**What the exercise asks**
Here are the records. Write out exactly the lines between the one holding "#63=IFCINDEXEDPOLYGONALFACE((33,37,38,34));" and the one holding "#66=IFCINDEXEDPOLYGONALFACE((39,40,42,41));", inclusive.

----- Records provided -----

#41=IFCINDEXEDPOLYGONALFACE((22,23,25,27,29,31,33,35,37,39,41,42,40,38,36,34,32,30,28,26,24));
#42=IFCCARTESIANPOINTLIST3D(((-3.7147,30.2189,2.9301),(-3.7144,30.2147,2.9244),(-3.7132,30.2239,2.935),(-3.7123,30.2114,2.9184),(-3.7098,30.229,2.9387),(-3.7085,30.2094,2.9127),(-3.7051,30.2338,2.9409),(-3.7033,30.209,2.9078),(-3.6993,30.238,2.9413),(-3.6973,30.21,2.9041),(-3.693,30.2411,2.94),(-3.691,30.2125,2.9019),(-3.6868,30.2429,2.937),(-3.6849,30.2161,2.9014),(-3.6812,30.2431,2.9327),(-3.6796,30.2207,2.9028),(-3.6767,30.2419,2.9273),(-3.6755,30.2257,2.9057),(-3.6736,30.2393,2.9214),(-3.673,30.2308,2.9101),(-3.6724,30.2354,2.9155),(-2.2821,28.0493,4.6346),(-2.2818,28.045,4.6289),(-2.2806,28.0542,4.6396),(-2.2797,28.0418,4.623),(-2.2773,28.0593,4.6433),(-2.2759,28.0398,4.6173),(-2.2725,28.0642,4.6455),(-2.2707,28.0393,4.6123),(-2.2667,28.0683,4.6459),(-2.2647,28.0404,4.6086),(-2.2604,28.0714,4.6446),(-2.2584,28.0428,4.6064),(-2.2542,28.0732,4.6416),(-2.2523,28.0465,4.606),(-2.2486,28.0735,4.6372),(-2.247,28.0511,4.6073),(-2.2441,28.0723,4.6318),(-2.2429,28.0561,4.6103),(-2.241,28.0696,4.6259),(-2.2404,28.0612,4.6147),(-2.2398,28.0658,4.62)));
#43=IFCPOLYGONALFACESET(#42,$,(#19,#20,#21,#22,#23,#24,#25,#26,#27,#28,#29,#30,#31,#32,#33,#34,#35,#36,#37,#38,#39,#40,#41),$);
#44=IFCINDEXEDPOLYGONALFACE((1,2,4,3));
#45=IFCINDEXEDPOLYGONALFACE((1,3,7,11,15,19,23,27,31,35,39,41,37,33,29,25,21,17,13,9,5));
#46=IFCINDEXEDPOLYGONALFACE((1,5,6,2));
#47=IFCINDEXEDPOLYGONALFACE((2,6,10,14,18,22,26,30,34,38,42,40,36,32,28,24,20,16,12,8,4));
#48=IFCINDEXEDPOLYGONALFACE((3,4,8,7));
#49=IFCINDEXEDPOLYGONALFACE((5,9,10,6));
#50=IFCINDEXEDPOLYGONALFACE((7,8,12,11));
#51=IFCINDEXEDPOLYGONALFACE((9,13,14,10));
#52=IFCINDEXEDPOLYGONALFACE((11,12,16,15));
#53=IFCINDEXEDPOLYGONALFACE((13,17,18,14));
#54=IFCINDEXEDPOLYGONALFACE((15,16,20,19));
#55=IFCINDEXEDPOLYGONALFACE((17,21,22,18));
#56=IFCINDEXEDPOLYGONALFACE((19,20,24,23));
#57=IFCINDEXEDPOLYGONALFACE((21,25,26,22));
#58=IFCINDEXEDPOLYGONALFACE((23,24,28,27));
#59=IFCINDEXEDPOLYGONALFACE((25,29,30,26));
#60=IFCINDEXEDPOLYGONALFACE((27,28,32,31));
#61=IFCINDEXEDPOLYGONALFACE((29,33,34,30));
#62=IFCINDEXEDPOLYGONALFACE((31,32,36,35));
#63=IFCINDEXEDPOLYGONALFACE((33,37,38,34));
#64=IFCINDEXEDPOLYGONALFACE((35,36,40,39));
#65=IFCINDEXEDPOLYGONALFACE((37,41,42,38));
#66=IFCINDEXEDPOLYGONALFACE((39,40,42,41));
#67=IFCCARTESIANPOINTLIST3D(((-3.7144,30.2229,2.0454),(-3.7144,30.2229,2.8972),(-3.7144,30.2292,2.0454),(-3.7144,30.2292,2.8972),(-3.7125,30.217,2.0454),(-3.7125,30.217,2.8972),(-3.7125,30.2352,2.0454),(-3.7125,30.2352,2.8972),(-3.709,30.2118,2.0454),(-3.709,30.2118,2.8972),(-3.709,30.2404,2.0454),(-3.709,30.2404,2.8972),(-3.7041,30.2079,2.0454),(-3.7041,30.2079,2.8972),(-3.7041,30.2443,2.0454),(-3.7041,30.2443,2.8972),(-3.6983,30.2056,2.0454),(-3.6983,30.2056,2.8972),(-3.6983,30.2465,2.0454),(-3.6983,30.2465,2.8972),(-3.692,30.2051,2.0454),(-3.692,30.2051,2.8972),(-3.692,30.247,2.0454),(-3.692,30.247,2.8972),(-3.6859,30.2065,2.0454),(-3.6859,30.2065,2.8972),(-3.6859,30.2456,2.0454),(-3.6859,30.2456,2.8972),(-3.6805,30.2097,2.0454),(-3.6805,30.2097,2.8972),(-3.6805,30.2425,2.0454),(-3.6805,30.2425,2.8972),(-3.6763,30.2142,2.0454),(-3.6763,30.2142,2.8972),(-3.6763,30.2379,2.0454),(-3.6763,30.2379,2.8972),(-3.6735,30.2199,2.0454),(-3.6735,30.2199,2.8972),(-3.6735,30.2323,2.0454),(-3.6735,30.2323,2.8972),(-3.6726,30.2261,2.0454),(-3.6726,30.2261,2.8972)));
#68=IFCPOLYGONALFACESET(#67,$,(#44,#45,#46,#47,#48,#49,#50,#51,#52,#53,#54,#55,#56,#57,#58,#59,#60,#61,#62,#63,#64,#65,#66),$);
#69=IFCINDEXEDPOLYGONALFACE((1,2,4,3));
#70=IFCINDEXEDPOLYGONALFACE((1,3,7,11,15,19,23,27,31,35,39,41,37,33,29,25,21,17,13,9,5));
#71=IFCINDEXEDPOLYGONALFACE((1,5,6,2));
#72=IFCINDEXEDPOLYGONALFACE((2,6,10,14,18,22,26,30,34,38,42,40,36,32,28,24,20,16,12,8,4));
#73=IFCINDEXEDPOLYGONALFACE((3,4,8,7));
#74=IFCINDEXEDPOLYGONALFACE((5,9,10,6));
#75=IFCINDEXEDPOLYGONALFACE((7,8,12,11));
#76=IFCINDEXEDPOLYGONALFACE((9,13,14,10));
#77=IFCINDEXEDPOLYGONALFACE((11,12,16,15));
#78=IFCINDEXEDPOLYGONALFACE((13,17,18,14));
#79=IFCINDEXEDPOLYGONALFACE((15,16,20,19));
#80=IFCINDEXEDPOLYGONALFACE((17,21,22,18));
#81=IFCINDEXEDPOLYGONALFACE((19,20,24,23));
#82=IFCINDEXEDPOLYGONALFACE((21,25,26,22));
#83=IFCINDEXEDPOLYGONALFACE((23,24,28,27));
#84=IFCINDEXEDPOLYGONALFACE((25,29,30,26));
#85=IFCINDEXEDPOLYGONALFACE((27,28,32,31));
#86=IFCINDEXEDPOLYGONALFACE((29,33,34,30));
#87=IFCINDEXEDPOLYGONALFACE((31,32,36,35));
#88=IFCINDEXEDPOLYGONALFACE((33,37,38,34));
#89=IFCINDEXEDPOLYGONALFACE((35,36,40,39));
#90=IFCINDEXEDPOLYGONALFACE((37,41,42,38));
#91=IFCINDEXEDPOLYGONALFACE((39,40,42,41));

-----

**Reply to the task**
#63=IFCINDEXEDPOLYGONALFACE((33,37,38,34));
#64=IFCINDEXEDPOLYGONALFACE((35,36,40,39));
#65=IFCINDEXEDPOLYGONALFACE((37,41,42,38));
#66=IFCINDEXEDPOLYGONALFACE((39,40,42,41));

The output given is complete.